→ **Task description**
Report every line of the listing below in which the string "Crest" appears.

→ **Data**

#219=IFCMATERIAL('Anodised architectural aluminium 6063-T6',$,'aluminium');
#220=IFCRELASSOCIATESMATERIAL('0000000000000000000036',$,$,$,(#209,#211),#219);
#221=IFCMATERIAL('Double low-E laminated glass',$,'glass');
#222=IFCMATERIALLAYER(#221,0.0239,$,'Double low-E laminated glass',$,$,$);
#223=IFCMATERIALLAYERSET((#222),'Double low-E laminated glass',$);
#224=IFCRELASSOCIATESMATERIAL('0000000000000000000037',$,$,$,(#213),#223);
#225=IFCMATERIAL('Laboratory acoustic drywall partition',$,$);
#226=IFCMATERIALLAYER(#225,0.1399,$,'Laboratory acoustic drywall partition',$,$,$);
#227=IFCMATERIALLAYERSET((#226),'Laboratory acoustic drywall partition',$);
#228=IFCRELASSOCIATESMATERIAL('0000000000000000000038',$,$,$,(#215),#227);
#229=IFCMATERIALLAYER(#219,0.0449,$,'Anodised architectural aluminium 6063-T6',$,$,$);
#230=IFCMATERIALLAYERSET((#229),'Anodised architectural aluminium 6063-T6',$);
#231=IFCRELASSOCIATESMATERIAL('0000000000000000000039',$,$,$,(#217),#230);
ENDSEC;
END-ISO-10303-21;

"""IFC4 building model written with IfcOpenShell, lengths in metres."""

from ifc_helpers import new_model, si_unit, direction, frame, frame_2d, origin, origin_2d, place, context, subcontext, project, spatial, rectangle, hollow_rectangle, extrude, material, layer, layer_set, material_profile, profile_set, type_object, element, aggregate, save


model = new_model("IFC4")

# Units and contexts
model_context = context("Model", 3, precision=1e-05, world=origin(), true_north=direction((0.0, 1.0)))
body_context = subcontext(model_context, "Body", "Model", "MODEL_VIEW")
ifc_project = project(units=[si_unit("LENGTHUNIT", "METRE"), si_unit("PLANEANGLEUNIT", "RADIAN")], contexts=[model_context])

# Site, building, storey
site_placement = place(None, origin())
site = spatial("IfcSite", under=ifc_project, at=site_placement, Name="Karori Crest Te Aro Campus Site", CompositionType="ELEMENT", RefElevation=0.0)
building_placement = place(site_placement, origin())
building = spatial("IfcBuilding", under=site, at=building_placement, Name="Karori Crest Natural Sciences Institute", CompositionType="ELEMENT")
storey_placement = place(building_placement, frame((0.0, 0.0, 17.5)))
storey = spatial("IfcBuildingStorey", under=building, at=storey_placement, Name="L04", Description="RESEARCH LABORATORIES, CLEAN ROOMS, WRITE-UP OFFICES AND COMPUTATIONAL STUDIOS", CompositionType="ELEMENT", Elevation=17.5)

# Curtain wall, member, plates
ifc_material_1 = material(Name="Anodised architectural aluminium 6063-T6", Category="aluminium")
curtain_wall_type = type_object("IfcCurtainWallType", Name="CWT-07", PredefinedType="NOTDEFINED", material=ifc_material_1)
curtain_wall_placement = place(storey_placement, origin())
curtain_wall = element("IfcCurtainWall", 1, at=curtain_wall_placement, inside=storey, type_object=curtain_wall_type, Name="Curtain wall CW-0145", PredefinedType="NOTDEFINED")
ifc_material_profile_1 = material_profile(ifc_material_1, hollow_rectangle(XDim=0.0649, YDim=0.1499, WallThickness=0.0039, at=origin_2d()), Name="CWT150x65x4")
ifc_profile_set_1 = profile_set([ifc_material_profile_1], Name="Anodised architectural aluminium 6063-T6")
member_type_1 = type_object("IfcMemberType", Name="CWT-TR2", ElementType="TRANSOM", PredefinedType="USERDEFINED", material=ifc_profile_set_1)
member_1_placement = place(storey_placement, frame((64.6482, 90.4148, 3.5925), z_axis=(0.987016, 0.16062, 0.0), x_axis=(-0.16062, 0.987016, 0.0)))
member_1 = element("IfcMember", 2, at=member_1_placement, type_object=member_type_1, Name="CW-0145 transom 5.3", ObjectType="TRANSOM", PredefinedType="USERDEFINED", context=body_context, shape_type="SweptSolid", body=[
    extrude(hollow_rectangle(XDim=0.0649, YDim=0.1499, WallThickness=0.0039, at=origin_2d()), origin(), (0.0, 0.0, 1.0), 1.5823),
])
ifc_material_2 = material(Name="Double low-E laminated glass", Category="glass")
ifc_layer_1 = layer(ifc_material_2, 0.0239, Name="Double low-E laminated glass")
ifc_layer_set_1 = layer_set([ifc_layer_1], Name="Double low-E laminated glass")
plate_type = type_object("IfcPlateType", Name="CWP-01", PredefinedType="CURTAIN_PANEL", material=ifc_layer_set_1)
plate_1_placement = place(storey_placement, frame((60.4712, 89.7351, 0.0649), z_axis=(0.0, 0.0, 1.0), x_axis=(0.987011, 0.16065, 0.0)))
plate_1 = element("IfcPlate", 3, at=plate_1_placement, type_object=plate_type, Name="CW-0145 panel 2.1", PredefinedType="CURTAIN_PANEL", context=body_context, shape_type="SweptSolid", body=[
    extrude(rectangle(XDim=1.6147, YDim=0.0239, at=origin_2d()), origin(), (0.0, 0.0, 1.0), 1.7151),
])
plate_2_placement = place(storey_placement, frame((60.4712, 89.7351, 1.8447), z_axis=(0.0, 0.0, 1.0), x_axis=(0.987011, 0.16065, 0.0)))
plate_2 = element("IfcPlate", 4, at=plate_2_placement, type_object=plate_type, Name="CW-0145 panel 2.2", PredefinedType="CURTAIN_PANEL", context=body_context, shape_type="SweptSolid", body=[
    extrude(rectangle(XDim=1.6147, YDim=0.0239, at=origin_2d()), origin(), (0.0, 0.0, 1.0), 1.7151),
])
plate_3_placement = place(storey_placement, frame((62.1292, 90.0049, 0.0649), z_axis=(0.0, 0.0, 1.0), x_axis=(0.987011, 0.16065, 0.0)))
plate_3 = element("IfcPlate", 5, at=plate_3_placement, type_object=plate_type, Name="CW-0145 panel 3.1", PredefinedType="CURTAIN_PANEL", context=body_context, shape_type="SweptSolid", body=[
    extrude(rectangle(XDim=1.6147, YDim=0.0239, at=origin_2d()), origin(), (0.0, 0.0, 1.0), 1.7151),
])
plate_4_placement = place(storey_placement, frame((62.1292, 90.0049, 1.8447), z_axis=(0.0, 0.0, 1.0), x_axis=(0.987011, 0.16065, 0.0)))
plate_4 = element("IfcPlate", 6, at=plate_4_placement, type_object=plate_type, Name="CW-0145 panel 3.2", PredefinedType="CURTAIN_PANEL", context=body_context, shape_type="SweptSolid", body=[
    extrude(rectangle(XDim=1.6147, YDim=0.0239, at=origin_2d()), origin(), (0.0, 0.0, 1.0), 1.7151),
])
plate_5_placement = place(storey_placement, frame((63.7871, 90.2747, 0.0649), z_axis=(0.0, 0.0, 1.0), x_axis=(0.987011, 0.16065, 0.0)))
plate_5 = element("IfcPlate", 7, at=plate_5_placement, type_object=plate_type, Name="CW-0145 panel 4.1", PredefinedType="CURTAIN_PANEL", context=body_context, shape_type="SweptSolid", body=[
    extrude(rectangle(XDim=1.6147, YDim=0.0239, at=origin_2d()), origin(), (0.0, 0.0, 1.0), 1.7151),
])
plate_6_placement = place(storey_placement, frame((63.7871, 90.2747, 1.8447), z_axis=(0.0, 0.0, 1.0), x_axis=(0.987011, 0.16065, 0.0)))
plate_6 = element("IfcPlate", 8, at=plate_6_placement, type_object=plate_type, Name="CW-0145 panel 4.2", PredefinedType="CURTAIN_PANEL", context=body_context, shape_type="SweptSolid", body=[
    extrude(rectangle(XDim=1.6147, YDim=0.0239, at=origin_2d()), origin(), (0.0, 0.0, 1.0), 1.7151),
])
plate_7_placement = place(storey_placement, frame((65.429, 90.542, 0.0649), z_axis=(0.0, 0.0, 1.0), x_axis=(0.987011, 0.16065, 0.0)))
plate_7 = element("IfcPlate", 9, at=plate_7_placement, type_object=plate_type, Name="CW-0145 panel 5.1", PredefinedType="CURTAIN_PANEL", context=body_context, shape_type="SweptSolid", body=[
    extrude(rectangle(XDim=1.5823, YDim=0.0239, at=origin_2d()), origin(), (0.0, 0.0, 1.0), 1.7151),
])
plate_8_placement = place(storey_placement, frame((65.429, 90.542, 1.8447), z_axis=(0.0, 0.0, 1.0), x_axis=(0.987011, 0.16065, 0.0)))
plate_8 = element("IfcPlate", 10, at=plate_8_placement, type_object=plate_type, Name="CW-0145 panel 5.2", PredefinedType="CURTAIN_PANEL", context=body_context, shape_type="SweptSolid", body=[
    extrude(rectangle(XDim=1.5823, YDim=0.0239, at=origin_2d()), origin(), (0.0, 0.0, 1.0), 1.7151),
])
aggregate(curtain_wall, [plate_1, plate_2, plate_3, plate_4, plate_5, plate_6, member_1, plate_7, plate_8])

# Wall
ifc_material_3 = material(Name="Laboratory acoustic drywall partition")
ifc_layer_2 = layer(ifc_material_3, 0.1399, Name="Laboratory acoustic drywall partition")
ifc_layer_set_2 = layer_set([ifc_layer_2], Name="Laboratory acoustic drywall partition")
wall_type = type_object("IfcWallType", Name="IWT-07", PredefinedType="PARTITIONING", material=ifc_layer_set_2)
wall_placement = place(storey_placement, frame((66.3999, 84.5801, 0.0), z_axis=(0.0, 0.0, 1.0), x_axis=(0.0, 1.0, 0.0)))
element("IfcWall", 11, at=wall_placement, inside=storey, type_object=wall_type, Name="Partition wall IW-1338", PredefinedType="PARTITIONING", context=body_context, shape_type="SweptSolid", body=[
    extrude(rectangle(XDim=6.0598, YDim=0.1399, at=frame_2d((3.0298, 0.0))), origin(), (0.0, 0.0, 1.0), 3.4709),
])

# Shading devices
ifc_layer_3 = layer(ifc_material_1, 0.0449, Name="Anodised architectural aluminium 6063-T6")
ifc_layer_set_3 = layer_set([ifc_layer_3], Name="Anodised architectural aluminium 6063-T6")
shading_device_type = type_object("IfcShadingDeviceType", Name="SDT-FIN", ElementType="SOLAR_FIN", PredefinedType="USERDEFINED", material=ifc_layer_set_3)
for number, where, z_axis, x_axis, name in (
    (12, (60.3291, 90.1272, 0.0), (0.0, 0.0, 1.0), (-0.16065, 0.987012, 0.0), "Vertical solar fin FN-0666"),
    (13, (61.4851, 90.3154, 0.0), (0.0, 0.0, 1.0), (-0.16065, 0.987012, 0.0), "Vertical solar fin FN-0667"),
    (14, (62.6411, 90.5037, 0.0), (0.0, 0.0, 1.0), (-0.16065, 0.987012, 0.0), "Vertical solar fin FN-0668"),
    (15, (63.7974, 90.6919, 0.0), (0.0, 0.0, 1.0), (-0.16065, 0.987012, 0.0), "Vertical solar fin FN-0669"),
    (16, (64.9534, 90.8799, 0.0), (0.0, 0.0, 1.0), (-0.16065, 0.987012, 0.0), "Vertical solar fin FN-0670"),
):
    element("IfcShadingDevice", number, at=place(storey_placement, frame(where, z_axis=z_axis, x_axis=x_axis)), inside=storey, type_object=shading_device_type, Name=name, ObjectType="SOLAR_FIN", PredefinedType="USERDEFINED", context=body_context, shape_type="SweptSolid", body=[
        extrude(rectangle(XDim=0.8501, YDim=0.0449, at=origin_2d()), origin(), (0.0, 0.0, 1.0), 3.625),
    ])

→ **Written solution**
site = spatial("IfcSite", under=ifc_project, at=site_placement, Name="Karori Crest Te Aro Campus Site", CompositionType="ELEMENT", RefElevation=0.0)
building = spatial("IfcBuilding", under=site, at=building_placement, Name="Karori Crest Natural Sciences Institute", CompositionType="ELEMENT")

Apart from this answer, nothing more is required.